(Stored data entries)
....................

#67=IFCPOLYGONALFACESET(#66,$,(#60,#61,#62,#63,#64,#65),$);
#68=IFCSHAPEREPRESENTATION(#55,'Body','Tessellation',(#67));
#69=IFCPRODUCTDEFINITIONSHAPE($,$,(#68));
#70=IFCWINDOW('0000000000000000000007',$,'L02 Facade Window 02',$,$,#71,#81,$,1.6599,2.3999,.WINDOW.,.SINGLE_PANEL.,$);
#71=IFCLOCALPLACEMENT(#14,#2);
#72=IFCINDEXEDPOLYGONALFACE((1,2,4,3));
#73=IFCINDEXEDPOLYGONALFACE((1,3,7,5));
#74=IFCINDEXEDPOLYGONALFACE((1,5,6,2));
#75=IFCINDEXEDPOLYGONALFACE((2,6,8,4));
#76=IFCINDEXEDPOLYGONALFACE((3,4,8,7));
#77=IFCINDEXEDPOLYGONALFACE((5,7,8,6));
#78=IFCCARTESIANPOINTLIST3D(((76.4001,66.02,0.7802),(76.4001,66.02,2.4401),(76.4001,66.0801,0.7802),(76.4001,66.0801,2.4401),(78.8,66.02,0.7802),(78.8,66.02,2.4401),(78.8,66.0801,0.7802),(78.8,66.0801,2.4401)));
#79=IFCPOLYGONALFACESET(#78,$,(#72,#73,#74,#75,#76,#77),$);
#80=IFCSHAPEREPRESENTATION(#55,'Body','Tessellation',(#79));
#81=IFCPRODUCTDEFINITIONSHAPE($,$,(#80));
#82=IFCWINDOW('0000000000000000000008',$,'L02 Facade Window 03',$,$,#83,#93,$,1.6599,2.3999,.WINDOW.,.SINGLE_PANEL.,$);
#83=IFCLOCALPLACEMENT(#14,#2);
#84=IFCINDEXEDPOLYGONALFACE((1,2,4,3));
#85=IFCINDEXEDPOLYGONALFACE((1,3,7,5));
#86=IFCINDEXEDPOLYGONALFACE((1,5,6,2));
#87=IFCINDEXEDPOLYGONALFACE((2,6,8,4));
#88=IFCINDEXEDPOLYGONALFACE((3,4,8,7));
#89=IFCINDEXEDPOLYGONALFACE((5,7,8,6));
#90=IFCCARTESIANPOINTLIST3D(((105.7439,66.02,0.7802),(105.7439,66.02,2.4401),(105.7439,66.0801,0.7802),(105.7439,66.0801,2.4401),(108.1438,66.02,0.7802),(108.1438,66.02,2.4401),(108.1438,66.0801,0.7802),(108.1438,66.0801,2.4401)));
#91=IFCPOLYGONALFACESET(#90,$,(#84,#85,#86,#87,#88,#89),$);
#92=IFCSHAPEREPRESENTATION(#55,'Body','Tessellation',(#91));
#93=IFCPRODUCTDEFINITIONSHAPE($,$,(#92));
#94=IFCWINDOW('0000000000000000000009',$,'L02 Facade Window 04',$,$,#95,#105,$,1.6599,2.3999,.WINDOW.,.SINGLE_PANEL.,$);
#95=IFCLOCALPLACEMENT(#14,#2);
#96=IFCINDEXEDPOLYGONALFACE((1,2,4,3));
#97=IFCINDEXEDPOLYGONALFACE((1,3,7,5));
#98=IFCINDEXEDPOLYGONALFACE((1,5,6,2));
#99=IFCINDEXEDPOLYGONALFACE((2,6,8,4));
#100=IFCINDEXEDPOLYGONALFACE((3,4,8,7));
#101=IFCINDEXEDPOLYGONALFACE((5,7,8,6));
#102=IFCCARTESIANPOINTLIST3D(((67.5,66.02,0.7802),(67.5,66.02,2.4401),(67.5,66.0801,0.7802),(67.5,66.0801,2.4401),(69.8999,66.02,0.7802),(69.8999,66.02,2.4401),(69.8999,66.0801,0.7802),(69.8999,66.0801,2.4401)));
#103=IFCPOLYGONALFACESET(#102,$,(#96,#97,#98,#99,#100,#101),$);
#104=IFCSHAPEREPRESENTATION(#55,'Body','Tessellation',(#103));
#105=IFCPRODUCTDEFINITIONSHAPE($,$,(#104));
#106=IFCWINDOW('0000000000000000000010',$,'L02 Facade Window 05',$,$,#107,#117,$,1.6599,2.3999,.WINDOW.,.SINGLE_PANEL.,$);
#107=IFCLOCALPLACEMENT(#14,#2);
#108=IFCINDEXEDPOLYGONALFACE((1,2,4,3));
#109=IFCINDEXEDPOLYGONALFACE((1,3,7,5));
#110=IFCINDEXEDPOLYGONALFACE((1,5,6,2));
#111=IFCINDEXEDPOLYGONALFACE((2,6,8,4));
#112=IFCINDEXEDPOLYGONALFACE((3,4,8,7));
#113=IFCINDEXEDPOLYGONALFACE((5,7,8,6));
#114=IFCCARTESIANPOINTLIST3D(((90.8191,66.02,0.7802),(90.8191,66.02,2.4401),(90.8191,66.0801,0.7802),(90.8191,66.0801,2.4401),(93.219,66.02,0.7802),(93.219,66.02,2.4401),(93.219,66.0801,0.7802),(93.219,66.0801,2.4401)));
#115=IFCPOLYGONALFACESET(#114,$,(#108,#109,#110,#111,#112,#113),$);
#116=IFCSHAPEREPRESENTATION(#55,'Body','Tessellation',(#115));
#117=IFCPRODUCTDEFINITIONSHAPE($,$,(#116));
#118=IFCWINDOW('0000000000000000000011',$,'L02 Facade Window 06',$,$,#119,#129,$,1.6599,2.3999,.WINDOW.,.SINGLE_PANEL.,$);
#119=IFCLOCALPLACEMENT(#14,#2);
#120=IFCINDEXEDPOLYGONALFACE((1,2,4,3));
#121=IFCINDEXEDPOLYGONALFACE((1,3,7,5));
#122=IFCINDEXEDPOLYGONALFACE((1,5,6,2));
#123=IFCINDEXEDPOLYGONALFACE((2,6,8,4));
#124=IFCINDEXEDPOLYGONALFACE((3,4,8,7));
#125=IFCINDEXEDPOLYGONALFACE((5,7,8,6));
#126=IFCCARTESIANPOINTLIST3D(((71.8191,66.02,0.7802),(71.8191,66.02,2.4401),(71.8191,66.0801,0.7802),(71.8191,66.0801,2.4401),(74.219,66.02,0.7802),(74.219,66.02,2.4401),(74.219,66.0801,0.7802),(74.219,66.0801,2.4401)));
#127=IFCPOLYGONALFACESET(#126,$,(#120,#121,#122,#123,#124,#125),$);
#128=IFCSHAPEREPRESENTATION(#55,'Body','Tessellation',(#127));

....................

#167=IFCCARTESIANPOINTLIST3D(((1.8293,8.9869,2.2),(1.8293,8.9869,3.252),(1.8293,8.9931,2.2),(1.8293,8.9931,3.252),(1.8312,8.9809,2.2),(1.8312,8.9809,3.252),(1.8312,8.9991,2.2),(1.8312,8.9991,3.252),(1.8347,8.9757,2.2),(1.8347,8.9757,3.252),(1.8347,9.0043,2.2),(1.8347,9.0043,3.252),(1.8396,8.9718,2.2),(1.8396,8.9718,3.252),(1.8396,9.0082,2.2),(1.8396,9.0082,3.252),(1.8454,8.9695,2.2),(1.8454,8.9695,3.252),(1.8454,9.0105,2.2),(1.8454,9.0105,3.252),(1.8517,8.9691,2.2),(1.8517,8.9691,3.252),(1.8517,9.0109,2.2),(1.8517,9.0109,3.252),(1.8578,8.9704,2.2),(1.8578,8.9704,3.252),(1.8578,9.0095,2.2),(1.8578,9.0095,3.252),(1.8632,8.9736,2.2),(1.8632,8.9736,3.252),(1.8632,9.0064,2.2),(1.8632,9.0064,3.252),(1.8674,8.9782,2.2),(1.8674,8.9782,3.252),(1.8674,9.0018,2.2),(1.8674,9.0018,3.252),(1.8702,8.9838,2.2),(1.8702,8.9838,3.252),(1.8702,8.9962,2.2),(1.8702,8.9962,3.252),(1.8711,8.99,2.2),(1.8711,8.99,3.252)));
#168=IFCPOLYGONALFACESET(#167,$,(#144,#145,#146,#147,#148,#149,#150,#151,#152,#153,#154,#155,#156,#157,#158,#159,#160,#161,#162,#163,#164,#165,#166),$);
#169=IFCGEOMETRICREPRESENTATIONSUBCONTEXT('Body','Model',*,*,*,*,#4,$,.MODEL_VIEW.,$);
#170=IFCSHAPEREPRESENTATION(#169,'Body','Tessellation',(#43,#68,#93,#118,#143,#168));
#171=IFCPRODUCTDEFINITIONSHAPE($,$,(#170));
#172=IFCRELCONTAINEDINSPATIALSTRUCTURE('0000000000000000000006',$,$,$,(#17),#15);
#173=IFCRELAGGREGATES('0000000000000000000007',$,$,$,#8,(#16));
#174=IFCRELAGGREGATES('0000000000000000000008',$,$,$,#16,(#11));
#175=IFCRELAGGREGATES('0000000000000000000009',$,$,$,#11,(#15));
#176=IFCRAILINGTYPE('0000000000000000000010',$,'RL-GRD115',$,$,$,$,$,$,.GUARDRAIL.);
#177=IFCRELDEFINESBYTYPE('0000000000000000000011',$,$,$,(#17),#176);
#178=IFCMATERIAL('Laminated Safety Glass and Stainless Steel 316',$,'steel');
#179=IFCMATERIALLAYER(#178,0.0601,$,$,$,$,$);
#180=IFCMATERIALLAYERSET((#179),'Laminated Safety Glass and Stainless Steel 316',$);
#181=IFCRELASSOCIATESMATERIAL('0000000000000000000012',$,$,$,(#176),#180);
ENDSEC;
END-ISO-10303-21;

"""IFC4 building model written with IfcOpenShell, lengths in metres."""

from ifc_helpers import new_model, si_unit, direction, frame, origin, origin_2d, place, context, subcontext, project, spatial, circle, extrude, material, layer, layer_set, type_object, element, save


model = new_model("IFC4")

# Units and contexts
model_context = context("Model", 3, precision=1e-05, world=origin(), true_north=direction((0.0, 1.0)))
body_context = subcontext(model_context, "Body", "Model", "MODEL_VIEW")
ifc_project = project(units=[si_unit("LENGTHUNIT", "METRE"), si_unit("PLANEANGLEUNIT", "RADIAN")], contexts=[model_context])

....................

Take exactly the lines from the one containing "#100=IFCINDEXEDPOLYGONALFACE((3,4,8,7));" through the one containing "#128=IFCSHAPEREPRESENTATION(#55,'Body','Tessellation',(#127));" in the data above, and output them with nothing added.

## Solution
#100=IFCINDEXEDPOLYGONALFACE((3,4,8,7));
#101=IFCINDEXEDPOLYGONALFACE((5,7,8,6));
#102=IFCCARTESIANPOINTLIST3D(((67.5,66.02,0.7802),(67.5,66.02,2.4401),(67.5,66.0801,0.7802),(67.5,66.0801,2.4401),(69.8999,66.02,0.7802),(69.8999,66.02,2.4401),(69.8999,66.0801,0.7802),(69.8999,66.0801,2.4401)));
#103=IFCPOLYGONALFACESET(#102,$,(#96,#97,#98,#99,#100,#101),$);
#104=IFCSHAPEREPRESENTATION(#55,'Body','Tessellation',(#103));
#105=IFCPRODUCTDEFINITIONSHAPE($,$,(#104));
#106=IFCWINDOW('0000000000000000000010',$,'L02 Facade Window 05',$,$,#107,#117,$,1.6599,2.3999,.WINDOW.,.SINGLE_PANEL.,$);
#107=IFCLOCALPLACEMENT(#14,#2);
#108=IFCINDEXEDPOLYGONALFACE((1,2,4,3));
#109=IFCINDEXEDPOLYGONALFACE((1,3,7,5));
#110=IFCINDEXEDPOLYGONALFACE((1,5,6,2));
#111=IFCINDEXEDPOLYGONALFACE((2,6,8,4));
#112=IFCINDEXEDPOLYGONALFACE((3,4,8,7));
#113=IFCINDEXEDPOLYGONALFACE((5,7,8,6));
#114=IFCCARTESIANPOINTLIST3D(((90.8191,66.02,0.7802),(90.8191,66.02,2.4401),(90.8191,66.0801,0.7802),(90.8191,66.0801,2.4401),(93.219,66.02,0.7802),(93.219,66.02,2.4401),(93.219,66.0801,0.7802),(93.219,66.0801,2.4401)));
#115=IFCPOLYGONALFACESET(#114,$,(#108,#109,#110,#111,#112,#113),$);
#116=IFCSHAPEREPRESENTATION(#55,'Body','Tessellation',(#115));
#117=IFCPRODUCTDEFINITIONSHAPE($,$,(#116));
#118=IFCWINDOW('0000000000000000000011',$,'L02 Facade Window 06',$,$,#119,#129,$,1.6599,2.3999,.WINDOW.,.SINGLE_PANEL.,$);
#119=IFCLOCALPLACEMENT(#14,#2);
#120=IFCINDEXEDPOLYGONALFACE((1,2,4,3));
#121=IFCINDEXEDPOLYGONALFACE((1,3,7,5));
#122=IFCINDEXEDPOLYGONALFACE((1,5,6,2));
#123=IFCINDEXEDPOLYGONALFACE((2,6,8,4));
#124=IFCINDEXEDPOLYGONALFACE((3,4,8,7));
#125=IFCINDEXEDPOLYGONALFACE((5,7,8,6));
#126=IFCCARTESIANPOINTLIST3D(((71.8191,66.02,0.7802),(71.8191,66.02,2.4401),(71.8191,66.0801,0.7802),(71.8191,66.0801,2.4401),(74.219,66.02,0.7802),(74.219,66.02,2.4401),(74.219,66.0801,0.7802),(74.219,66.0801,2.4401)));
#127=IFCPOLYGONALFACESET(#126,$,(#120,#121,#122,#123,#124,#125),$);
#128=IFCSHAPEREPRESENTATION(#55,'Body','Tessellation',(#127));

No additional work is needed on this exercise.